**TRY IT**
Search the records for the string "Body", and show each line where it appears.

**DATA LISTING**

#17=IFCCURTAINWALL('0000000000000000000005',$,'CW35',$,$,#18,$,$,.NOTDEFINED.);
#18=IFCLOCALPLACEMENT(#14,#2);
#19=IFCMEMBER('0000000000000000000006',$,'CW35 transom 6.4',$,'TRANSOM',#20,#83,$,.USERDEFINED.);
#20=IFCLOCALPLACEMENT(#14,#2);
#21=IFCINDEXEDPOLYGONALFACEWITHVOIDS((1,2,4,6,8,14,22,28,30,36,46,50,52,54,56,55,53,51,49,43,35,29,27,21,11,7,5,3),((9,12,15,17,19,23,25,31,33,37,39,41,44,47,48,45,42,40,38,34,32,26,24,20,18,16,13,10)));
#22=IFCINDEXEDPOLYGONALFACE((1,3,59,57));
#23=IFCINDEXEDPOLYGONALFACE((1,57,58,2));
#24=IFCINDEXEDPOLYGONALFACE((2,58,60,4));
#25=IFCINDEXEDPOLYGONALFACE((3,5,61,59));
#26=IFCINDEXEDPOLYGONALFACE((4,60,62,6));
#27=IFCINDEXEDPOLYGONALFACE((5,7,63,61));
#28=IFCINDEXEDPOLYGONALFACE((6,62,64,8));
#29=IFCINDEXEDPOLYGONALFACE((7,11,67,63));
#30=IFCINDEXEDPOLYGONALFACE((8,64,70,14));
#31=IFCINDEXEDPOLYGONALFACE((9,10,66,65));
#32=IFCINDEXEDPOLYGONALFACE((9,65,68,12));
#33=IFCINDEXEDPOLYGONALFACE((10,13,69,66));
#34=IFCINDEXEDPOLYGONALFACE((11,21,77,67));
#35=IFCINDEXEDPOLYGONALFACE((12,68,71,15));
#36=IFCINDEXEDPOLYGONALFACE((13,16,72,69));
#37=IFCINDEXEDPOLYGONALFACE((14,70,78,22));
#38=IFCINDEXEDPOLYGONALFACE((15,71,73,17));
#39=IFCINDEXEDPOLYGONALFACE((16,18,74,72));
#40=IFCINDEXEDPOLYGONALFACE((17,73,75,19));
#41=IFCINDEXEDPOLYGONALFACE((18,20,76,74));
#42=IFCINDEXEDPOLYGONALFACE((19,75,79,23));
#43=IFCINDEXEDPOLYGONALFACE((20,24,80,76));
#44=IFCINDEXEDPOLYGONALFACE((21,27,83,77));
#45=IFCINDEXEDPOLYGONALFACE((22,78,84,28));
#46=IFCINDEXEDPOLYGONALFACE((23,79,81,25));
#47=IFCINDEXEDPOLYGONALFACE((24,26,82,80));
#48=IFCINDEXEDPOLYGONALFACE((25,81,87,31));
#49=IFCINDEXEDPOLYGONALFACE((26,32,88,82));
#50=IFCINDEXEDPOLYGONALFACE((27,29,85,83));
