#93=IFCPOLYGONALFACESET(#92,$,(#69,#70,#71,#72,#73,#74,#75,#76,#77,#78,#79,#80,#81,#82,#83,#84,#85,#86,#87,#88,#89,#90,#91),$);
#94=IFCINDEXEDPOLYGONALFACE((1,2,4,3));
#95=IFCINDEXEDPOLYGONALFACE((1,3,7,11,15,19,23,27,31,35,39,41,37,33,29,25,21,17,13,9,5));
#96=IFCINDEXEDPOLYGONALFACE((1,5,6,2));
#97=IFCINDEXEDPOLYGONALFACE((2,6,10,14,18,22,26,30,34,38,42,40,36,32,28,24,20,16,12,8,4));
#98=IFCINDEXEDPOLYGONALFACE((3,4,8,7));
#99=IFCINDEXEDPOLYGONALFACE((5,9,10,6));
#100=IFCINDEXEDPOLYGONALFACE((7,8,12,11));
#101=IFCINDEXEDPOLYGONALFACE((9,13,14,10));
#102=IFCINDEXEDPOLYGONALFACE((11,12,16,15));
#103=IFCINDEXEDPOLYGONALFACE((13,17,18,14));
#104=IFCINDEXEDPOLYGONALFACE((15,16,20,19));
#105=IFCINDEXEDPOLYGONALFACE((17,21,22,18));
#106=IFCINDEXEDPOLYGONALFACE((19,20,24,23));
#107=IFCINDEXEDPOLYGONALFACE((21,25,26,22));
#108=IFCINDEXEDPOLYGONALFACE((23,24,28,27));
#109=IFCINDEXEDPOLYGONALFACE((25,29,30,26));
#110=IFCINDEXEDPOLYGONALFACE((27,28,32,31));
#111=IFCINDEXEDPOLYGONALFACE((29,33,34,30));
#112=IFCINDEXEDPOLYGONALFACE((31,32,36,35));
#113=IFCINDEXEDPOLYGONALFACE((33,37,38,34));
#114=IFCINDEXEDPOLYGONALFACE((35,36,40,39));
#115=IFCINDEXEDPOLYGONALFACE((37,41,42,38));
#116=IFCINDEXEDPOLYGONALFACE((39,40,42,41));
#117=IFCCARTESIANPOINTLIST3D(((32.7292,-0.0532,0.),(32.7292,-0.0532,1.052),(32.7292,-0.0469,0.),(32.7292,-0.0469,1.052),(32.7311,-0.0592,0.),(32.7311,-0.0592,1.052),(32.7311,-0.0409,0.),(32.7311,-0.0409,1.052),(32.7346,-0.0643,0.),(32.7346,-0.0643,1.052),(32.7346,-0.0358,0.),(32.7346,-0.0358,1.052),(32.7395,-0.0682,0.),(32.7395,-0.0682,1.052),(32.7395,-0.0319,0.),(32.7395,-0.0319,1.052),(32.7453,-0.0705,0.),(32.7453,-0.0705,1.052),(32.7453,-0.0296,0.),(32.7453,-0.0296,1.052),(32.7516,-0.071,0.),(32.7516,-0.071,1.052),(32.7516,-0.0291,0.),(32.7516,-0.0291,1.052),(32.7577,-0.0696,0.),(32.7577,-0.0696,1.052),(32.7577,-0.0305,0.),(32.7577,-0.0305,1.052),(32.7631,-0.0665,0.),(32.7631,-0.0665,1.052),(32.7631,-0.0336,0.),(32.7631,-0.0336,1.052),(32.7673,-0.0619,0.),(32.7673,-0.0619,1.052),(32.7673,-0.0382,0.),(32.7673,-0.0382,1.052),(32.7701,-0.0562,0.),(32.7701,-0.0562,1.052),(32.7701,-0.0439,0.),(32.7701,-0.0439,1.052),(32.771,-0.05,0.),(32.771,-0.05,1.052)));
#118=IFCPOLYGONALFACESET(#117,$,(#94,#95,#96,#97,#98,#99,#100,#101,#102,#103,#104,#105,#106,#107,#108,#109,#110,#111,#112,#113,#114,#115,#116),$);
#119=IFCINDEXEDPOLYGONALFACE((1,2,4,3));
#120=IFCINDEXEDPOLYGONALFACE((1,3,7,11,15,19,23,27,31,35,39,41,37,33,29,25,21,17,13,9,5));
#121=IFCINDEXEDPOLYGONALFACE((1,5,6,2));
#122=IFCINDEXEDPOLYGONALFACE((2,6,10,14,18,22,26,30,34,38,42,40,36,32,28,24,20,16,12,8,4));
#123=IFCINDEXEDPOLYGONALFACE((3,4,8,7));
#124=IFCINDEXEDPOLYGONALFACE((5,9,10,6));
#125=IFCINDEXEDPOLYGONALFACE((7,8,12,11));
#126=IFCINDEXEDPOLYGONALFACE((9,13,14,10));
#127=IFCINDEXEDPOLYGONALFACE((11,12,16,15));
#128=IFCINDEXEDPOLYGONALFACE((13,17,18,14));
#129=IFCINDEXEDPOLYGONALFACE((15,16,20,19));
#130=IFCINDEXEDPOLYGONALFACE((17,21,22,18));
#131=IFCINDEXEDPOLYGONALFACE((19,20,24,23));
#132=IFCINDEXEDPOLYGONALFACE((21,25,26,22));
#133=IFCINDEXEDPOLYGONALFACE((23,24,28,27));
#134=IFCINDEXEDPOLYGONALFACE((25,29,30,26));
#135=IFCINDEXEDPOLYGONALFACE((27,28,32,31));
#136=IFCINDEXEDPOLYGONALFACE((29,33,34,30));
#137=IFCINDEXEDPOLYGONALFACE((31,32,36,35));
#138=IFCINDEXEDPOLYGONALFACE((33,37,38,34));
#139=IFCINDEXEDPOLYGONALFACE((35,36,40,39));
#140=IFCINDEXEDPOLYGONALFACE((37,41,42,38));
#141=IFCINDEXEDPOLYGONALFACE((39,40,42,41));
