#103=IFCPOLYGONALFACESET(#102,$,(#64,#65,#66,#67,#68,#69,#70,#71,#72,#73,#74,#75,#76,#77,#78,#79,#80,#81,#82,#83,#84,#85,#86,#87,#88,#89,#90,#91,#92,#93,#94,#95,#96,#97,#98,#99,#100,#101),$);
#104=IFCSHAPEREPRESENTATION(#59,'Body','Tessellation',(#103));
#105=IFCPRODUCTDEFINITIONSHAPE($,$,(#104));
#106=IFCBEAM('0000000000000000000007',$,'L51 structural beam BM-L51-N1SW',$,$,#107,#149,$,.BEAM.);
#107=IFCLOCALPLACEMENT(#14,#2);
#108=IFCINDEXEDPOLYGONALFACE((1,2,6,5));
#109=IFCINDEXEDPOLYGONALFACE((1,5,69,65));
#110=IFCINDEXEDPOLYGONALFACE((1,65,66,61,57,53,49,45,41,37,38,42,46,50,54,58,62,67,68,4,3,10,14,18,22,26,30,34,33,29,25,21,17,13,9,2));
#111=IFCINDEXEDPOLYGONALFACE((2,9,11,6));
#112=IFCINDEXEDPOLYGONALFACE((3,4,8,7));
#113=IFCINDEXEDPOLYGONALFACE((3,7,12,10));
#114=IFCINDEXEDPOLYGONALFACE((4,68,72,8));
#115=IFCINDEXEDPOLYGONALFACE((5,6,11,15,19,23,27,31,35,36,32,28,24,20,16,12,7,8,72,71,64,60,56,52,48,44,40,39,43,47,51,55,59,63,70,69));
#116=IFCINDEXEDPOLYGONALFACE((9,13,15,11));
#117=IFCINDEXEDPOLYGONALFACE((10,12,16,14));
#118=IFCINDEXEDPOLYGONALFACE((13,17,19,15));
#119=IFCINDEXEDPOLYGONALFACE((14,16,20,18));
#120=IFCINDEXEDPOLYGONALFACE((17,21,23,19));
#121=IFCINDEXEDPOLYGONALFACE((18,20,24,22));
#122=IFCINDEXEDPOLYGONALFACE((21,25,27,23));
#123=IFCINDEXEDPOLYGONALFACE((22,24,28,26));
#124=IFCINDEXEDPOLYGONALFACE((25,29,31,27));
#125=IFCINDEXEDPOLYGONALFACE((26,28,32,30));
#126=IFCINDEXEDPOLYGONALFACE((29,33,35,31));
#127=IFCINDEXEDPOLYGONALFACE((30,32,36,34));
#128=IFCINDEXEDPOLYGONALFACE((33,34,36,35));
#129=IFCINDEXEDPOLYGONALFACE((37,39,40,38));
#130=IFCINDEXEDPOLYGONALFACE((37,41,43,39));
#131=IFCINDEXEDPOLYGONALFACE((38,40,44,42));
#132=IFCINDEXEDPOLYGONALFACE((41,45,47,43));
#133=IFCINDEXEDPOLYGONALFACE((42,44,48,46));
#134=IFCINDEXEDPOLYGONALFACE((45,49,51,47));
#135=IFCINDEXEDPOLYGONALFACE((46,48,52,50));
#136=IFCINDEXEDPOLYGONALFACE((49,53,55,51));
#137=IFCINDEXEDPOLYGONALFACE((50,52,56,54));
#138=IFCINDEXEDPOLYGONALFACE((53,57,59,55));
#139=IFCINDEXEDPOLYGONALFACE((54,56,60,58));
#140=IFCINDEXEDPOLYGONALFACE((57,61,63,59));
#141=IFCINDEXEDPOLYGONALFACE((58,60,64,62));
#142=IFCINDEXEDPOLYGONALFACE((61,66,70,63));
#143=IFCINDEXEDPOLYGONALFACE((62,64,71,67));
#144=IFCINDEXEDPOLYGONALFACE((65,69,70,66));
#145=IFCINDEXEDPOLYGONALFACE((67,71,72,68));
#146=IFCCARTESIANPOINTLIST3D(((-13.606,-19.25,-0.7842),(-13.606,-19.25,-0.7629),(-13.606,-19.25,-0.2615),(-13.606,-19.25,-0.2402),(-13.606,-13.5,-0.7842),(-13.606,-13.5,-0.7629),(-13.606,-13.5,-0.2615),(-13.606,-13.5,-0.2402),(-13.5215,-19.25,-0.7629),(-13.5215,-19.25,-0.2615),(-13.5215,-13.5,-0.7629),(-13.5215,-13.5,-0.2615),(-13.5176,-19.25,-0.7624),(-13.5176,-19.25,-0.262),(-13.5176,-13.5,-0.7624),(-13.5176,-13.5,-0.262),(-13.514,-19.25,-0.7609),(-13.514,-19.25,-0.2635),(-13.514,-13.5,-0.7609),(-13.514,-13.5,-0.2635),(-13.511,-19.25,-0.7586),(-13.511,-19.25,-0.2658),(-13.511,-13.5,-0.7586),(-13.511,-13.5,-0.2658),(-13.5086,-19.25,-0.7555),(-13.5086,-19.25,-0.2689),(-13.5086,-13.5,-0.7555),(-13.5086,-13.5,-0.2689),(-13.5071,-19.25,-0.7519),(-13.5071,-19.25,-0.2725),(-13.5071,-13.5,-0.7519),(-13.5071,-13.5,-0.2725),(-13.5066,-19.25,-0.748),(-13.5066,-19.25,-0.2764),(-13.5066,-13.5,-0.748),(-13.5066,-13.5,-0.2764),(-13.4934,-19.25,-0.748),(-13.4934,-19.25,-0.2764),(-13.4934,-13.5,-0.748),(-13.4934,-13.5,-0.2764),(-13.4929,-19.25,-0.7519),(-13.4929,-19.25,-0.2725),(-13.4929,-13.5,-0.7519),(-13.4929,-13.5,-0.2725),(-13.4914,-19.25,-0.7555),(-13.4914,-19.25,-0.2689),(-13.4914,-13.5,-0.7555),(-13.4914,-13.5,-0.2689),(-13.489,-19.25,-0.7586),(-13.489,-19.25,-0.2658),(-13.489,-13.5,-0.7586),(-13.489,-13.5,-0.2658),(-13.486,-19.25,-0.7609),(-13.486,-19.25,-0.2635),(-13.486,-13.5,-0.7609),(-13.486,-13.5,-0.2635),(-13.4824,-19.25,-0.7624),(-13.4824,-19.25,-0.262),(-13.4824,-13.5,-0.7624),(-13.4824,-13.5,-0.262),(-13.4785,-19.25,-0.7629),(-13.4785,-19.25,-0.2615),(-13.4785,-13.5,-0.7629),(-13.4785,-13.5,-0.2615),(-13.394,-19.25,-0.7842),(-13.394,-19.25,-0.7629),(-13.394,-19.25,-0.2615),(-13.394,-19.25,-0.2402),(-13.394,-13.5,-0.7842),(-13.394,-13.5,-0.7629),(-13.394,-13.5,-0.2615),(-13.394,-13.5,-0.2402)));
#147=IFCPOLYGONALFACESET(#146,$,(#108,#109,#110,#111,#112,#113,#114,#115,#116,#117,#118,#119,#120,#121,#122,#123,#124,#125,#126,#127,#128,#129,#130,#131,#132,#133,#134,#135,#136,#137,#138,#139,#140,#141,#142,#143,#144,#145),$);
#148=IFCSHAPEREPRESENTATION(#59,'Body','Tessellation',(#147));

**SOLUTION BELOW**
#104=IFCSHAPEREPRESENTATION(#59,'Body','Tessellation',(#103));
#148=IFCSHAPEREPRESENTATION(#59,'Body','Tessellation',(#147));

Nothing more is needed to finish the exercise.